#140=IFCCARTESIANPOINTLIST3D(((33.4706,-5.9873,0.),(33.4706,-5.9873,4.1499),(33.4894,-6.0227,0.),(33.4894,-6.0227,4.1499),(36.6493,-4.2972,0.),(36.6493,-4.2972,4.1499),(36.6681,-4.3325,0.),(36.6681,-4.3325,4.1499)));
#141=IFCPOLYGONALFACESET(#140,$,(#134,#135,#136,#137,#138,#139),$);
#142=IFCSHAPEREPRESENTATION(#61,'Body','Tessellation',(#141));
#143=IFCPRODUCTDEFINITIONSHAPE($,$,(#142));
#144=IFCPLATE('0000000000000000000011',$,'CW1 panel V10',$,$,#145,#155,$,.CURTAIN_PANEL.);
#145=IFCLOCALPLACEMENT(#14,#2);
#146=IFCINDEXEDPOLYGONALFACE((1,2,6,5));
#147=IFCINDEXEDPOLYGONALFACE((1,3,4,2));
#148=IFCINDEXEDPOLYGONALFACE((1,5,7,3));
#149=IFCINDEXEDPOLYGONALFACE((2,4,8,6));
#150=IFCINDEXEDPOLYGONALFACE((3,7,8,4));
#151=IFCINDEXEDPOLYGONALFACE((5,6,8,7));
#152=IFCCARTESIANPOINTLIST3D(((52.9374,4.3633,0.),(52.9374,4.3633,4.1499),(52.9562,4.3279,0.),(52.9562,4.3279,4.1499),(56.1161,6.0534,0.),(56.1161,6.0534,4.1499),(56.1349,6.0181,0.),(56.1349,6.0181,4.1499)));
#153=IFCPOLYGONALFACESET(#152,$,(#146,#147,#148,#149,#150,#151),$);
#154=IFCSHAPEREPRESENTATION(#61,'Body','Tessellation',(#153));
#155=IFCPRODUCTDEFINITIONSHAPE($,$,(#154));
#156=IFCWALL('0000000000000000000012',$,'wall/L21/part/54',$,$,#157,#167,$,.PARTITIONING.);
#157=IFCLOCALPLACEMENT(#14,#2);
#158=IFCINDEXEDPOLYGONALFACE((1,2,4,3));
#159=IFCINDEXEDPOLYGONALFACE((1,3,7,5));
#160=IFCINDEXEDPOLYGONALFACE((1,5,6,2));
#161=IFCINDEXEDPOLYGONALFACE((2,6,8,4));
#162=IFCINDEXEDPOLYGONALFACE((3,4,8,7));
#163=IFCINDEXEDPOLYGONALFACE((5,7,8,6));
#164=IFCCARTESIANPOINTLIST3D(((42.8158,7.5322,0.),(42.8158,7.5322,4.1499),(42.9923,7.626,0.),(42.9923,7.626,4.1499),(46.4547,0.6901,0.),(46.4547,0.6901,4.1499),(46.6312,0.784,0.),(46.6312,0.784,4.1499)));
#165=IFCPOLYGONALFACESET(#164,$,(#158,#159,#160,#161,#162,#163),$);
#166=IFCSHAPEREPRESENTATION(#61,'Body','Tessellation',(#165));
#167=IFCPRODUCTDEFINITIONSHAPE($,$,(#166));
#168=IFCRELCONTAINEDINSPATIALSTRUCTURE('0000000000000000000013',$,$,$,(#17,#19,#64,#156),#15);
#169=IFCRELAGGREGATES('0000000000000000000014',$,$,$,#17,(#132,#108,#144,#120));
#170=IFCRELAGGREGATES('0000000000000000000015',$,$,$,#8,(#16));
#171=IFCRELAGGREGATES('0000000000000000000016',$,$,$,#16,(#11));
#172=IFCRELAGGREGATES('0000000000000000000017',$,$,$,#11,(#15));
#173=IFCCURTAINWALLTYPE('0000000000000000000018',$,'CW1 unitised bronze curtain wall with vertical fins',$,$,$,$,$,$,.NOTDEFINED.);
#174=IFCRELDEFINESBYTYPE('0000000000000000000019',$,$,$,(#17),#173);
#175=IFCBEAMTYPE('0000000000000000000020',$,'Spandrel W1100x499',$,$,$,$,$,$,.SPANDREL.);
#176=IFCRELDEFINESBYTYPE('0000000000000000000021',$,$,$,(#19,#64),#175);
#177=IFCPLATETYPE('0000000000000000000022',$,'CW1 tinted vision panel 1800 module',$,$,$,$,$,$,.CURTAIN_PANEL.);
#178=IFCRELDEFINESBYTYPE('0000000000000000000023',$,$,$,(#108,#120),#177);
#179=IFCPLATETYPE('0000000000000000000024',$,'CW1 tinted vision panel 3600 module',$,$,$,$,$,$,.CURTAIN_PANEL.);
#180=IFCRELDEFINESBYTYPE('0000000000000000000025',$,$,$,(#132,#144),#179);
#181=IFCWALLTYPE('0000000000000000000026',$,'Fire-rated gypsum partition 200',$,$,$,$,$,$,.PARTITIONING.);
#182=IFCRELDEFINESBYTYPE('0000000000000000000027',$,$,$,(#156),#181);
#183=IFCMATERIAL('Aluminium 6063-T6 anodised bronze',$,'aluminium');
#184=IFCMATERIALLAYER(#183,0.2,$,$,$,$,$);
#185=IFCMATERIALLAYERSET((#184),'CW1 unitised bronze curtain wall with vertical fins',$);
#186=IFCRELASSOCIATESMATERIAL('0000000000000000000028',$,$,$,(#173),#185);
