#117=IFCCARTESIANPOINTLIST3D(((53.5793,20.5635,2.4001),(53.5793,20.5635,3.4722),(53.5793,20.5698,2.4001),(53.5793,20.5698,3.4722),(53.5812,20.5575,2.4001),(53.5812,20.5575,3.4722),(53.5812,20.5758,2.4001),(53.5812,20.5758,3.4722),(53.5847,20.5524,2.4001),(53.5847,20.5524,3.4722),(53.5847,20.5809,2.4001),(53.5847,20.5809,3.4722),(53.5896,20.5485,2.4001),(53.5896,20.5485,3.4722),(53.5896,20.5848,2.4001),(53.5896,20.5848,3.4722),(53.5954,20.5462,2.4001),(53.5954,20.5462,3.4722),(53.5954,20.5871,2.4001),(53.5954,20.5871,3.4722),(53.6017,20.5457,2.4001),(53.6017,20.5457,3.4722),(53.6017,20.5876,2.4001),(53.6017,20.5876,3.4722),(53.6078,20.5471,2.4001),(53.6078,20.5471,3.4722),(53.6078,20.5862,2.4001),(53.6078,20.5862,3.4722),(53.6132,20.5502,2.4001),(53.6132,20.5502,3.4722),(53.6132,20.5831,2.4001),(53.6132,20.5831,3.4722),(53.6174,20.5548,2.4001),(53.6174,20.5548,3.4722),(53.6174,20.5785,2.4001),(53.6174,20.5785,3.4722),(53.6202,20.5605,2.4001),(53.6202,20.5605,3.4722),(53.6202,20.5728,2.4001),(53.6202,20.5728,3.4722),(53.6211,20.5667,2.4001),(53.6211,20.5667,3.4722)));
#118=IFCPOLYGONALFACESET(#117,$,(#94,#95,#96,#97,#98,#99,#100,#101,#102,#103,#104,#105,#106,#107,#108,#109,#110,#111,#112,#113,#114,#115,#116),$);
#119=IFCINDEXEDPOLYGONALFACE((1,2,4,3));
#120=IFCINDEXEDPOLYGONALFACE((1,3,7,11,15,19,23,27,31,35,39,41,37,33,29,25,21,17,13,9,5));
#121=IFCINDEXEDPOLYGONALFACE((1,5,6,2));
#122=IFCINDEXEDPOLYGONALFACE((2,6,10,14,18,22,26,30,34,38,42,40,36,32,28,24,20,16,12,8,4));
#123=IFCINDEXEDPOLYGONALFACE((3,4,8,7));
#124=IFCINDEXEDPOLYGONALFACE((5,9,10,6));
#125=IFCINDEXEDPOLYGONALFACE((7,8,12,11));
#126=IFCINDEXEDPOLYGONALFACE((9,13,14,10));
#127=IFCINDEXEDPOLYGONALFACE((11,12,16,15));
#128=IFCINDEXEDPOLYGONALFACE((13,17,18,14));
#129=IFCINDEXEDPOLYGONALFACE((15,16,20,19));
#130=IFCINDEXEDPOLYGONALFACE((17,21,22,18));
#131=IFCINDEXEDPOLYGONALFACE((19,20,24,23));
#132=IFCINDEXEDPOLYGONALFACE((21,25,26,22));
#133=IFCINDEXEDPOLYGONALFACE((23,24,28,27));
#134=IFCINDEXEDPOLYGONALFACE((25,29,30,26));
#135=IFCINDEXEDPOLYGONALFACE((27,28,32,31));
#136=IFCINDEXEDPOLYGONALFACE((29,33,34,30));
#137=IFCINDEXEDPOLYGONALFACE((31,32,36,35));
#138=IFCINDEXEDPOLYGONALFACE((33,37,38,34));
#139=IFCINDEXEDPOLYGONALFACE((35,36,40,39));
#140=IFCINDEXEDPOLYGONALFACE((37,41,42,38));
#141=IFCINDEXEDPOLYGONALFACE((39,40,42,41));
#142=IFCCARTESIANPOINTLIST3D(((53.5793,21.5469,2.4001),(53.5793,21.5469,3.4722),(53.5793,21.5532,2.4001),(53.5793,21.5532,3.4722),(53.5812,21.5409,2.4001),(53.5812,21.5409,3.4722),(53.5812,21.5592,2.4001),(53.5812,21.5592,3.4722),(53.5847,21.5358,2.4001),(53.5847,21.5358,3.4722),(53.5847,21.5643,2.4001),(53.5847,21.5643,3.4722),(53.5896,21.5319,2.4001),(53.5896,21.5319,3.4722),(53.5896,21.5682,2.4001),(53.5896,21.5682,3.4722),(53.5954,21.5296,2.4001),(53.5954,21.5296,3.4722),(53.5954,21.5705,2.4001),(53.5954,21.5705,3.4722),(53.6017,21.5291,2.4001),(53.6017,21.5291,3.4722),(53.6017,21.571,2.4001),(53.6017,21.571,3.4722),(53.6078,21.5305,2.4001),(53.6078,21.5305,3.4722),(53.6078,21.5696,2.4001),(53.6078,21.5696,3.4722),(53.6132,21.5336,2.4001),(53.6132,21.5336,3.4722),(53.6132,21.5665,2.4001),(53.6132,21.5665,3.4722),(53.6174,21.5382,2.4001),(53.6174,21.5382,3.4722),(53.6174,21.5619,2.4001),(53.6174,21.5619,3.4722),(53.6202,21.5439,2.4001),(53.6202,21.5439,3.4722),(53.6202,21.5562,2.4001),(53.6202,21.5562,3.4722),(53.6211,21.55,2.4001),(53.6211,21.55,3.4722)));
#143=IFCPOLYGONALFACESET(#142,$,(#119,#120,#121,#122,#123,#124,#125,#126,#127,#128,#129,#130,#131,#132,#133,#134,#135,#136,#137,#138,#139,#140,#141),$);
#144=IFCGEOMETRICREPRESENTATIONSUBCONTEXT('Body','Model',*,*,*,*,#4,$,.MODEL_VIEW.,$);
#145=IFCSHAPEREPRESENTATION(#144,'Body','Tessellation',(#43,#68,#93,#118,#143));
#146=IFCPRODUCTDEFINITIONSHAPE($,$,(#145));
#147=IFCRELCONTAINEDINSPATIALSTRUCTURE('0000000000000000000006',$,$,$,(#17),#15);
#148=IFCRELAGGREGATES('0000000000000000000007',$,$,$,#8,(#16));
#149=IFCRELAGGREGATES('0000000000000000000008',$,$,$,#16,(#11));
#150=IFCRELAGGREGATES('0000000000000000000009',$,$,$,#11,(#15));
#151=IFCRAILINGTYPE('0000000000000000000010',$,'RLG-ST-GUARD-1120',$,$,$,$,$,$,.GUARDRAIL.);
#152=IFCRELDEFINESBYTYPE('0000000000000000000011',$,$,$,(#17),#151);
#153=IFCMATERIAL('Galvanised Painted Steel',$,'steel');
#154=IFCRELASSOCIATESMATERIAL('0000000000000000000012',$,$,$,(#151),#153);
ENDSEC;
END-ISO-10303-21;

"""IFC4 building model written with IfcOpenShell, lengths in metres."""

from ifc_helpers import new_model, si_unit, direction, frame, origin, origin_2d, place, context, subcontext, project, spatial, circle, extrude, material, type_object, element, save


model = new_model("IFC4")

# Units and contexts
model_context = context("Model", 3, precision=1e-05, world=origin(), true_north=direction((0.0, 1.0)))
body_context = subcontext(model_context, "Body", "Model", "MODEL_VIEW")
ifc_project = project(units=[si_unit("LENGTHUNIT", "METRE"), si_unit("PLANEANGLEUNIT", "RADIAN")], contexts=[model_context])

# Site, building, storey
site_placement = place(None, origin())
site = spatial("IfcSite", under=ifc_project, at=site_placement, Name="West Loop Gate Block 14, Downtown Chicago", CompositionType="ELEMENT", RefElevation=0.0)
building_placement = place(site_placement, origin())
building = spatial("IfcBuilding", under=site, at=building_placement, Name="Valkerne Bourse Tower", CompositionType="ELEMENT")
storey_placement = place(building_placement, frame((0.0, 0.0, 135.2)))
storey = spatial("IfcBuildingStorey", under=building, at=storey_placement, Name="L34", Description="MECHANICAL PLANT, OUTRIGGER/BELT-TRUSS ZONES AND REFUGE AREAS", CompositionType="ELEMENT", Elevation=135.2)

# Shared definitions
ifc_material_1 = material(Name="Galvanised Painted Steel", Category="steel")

- Work request
Across the material above, how many lines have the word "IFCPOLYGONALFACESET" in them? Answer with a bare number.

- Answer box
5